Collected data:
◆ ◆ ◆ ◆ ◆
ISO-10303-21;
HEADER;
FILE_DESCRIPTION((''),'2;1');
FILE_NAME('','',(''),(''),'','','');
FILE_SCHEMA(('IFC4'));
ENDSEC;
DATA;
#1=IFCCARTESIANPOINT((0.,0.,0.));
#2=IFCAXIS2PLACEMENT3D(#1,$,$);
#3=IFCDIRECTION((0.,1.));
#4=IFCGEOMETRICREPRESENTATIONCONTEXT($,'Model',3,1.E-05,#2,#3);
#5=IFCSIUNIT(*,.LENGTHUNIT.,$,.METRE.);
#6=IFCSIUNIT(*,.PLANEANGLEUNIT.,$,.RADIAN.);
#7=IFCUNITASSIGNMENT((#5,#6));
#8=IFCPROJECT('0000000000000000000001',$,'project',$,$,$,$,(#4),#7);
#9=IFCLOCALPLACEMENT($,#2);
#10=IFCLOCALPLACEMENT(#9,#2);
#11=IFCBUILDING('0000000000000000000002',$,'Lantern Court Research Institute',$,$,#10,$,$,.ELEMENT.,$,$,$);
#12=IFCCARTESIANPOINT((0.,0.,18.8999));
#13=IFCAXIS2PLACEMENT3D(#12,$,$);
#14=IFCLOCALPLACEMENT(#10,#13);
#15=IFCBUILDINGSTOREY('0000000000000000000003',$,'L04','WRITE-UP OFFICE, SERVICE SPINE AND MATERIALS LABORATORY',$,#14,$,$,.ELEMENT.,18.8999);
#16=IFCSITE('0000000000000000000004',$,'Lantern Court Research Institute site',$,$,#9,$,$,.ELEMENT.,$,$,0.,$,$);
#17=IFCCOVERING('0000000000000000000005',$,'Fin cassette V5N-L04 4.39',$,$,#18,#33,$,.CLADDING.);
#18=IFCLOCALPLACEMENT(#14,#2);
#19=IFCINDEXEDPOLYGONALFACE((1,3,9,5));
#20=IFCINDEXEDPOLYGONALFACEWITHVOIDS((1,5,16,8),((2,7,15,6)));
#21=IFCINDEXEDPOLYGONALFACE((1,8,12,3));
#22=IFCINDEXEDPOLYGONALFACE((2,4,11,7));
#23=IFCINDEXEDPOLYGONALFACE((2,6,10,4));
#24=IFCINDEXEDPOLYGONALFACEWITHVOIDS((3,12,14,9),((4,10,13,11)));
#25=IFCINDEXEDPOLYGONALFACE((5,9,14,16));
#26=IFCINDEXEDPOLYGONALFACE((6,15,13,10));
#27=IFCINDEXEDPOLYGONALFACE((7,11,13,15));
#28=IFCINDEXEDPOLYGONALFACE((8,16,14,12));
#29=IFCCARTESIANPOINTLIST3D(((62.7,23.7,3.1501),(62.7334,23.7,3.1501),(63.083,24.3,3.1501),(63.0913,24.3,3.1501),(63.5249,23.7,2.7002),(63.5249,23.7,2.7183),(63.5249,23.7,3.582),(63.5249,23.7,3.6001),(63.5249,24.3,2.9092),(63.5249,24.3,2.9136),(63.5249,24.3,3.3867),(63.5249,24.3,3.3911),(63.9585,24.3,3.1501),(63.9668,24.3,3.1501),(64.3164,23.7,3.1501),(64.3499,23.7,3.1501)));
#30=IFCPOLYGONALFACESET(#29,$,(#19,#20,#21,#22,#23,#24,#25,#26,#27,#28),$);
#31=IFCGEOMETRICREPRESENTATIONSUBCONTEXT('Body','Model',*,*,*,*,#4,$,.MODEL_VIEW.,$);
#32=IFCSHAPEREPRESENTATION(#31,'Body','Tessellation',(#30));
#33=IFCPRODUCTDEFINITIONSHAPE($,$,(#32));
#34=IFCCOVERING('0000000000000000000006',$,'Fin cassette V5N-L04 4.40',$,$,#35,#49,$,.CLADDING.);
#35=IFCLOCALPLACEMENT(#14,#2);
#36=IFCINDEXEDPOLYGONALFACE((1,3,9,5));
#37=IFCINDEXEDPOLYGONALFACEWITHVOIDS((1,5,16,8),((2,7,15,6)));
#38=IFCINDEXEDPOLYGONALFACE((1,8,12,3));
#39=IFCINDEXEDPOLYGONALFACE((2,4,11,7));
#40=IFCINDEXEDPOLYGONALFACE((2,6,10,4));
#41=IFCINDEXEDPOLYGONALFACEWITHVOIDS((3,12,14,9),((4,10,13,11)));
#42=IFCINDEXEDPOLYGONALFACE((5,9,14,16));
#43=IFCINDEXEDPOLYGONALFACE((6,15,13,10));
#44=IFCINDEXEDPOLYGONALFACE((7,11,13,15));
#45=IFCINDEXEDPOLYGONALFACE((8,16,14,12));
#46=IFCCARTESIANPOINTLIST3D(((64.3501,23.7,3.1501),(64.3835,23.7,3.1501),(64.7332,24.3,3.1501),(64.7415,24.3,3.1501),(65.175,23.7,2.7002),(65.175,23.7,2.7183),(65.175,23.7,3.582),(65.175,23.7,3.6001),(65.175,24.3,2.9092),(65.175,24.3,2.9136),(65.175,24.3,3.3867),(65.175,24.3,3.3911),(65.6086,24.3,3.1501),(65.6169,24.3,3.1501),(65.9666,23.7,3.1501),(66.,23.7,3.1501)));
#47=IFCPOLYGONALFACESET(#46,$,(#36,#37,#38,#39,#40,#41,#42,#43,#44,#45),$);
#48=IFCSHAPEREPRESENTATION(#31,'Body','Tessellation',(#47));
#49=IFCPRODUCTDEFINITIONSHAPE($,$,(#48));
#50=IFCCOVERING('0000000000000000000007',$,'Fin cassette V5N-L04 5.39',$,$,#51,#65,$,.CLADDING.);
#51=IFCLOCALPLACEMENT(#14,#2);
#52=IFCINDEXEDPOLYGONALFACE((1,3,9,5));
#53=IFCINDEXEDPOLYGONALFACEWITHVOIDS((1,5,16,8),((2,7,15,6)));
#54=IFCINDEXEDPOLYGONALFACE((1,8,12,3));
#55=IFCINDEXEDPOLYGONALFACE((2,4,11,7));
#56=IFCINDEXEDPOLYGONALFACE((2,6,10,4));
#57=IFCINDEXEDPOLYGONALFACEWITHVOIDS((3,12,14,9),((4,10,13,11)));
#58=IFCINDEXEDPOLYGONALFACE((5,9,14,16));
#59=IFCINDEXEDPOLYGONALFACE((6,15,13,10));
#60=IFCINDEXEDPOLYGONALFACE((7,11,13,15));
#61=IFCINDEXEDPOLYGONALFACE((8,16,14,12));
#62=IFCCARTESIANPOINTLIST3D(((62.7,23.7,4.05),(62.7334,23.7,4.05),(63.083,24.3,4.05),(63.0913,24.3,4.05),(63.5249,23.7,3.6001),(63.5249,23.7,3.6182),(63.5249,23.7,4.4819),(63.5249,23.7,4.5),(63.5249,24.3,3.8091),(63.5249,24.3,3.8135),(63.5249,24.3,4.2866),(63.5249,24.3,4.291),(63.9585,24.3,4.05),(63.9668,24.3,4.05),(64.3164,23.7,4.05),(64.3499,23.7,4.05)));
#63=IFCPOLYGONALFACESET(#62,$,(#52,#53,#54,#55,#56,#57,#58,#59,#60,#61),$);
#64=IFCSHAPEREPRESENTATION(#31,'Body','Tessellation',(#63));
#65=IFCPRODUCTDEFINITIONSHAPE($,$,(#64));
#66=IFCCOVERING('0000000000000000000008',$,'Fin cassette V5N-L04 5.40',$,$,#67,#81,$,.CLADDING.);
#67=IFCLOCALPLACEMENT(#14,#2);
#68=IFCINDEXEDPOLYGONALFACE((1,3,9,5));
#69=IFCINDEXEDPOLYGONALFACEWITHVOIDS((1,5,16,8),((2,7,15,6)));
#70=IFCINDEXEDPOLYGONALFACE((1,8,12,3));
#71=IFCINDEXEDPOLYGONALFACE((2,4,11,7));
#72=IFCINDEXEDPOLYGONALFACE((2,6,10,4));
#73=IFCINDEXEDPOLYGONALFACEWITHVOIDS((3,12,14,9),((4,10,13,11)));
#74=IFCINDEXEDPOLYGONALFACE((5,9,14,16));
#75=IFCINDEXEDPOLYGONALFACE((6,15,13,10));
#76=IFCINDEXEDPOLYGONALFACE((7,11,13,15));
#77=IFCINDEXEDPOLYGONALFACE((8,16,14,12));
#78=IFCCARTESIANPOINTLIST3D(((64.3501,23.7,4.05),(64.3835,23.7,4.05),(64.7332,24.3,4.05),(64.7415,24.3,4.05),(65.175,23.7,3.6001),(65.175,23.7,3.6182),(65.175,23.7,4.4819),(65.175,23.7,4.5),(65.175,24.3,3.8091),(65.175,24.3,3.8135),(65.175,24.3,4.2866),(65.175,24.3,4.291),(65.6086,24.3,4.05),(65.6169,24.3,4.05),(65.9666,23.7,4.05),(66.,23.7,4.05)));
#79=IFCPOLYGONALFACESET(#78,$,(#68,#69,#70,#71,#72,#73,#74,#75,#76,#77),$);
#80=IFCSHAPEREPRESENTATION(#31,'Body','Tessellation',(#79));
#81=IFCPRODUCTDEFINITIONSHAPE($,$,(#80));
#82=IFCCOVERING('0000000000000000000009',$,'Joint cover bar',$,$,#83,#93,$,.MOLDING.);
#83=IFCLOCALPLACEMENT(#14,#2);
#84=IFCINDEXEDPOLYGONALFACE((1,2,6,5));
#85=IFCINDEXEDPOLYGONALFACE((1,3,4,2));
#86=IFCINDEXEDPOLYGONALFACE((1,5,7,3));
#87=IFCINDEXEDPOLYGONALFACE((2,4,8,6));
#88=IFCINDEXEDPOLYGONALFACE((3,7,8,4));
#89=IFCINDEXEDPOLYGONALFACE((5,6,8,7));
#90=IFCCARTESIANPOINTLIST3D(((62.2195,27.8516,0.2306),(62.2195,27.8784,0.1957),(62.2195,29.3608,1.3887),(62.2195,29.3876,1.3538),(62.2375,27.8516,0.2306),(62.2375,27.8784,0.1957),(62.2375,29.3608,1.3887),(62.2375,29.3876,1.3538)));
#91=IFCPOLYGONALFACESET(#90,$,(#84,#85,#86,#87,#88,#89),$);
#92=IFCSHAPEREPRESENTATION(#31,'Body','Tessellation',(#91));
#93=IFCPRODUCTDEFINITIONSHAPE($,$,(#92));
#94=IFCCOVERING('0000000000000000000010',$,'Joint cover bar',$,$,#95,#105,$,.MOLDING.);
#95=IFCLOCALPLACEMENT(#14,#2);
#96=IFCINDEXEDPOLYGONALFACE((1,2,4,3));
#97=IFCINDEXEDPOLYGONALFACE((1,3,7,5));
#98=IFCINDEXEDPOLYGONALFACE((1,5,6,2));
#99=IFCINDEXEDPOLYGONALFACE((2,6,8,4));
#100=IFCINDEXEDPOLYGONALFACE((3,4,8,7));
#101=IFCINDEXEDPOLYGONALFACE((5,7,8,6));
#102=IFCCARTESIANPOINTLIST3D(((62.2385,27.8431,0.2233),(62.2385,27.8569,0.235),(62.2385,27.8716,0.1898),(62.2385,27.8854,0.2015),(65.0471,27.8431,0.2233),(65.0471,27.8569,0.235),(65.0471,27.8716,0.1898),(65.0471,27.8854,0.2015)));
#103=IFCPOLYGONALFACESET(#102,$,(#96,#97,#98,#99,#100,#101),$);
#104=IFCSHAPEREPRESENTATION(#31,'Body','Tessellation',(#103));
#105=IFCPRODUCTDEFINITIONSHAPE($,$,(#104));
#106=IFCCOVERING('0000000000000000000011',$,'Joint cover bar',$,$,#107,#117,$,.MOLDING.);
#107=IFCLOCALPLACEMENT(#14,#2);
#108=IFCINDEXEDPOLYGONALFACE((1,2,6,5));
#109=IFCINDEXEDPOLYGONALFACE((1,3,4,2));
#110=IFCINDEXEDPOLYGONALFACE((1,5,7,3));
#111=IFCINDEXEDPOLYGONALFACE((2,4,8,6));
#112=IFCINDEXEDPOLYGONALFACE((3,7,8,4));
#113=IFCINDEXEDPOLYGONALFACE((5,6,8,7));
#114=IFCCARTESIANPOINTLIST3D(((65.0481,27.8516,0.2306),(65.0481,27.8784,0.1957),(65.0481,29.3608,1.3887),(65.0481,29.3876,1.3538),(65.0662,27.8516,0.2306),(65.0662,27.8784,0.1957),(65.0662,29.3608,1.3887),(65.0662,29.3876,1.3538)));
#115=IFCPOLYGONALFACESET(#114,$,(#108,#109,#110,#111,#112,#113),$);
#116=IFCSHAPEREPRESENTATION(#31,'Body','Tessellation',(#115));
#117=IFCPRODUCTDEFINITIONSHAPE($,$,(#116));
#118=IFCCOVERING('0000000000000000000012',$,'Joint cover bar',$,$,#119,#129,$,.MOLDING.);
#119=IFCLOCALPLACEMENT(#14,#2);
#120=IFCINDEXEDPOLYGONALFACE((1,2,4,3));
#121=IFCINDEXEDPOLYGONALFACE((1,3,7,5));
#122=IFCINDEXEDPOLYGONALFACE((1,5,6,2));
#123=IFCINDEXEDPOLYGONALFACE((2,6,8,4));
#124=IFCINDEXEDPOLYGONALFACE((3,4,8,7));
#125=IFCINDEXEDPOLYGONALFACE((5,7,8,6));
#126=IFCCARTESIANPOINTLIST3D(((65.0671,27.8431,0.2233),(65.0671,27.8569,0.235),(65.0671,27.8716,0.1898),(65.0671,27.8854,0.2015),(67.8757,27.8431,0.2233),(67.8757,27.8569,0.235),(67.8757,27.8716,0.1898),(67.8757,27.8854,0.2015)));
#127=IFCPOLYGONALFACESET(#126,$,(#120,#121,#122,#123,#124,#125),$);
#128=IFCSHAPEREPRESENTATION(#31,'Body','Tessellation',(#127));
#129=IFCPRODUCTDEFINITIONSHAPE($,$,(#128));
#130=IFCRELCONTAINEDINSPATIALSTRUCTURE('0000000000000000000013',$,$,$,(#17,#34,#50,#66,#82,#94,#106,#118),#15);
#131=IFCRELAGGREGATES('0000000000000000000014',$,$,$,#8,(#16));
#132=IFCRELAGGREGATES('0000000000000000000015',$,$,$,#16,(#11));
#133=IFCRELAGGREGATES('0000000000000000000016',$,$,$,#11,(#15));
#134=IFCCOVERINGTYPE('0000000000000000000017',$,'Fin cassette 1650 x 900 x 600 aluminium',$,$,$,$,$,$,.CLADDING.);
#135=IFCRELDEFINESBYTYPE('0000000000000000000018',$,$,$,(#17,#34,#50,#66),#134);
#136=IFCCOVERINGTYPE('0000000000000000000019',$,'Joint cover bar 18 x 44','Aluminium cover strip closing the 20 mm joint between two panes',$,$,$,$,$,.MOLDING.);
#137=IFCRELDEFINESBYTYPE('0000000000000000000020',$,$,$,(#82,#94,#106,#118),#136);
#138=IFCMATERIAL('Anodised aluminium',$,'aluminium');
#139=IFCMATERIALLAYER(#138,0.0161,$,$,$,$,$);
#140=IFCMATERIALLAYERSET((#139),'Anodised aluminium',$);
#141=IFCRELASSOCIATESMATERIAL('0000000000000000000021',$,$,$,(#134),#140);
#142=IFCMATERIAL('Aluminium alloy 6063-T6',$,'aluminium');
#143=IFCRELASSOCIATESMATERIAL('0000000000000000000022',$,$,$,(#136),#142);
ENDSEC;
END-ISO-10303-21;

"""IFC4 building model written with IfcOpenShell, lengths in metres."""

from ifc_helpers import new_model, entity, si_unit, direction, frame, origin, origin_2d, place, context, subcontext, project, spatial, rectangle, extrude, material, layer, layer_set, material_profile, profile_set, type_object, element, save


model = new_model("IFC4")

# Units and contexts
model_context = context("Model", 3, precision=1e-05, world=origin(), true_north=direction((0.0, 1.0)))
body_context = subcontext(model_context, "Body", "Model", "MODEL_VIEW")
ifc_project = project(units=[si_unit("LENGTHUNIT", "METRE"), si_unit("PLANEANGLEUNIT", "RADIAN")], contexts=[model_context])

# Site, building, storey
site_placement = place(None, origin())
site = spatial("IfcSite", under=ifc_project, at=site_placement, Name="Lantern Court Research Institute site", CompositionType="ELEMENT", RefElevation=0.0)
building_placement = place(site_placement, origin())
building = spatial("IfcBuilding", under=site, at=building_placement, Name="Lantern Court Research Institute", CompositionType="ELEMENT")
storey_placement = place(building_placement, frame((0.0, 0.0, 18.8999)))
storey = spatial("IfcBuildingStorey", under=building, at=storey_placement, Name="L04", Description="WRITE-UP OFFICE, SERVICE SPINE AND MATERIALS LABORATORY", CompositionType="ELEMENT", Elevation=18.8999)

# Coverings
ifc_material_1 = material(Name="Anodised aluminium", Category="aluminium")
ifc_layer_1 = layer(ifc_material_1, 0.0161)
ifc_layer_set_1 = layer_set([ifc_layer_1], Name="Anodised aluminium")
covering_type_1 = type_object("IfcCoveringType", Name="Fin cassette 1650 x 900 x 600 aluminium", PredefinedType="CLADDING", material=ifc_layer_set_1)
covering_1_placement = place(storey_placement, frame((63.5249, 23.7, 3.1501), z_axis=(0.0, 1.0, 0.0), x_axis=(-1.0, 0.0, 0.0)))
cartesian_point_1 = entity("IfcCartesianPoint", [0.825, 0.0])
cartesian_point_2 = entity("IfcCartesianPoint", [0.7915, 0.0])
cartesian_point_3 = entity("IfcCartesianPoint", [0.4419, 0.0])
cartesian_point_4 = entity("IfcCartesianPoint", [0.4336, 0.0])
element("IfcCovering", 1, at=covering_1_placement, inside=storey, type_object=covering_type_1, Name="Fin cassette V5N-L04 4.39", PredefinedType="CLADDING", context=body_context, shape_type="SweptSolid", body=[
◆ ◆ ◆ ◆ ◆
TASK DIRECTIONS:
What lines of the data include the word "MOLDING"? Copy each of them.

RESPONSE AREA:
#82=IFCCOVERING('0000000000000000000009',$,'Joint cover bar',$,$,#83,#93,$,.MOLDING.);
#94=IFCCOVERING('0000000000000000000010',$,'Joint cover bar',$,$,#95,#105,$,.MOLDING.);
#106=IFCCOVERING('0000000000000000000011',$,'Joint cover bar',$,$,#107,#117,$,.MOLDING.);
#118=IFCCOVERING('0000000000000000000012',$,'Joint cover bar',$,$,#119,#129,$,.MOLDING.);
#136=IFCCOVERINGTYPE('0000000000000000000019',$,'Joint cover bar 18 x 44','Aluminium cover strip closing the 20 mm joint between two panes',$,$,$,$,$,.MOLDING.);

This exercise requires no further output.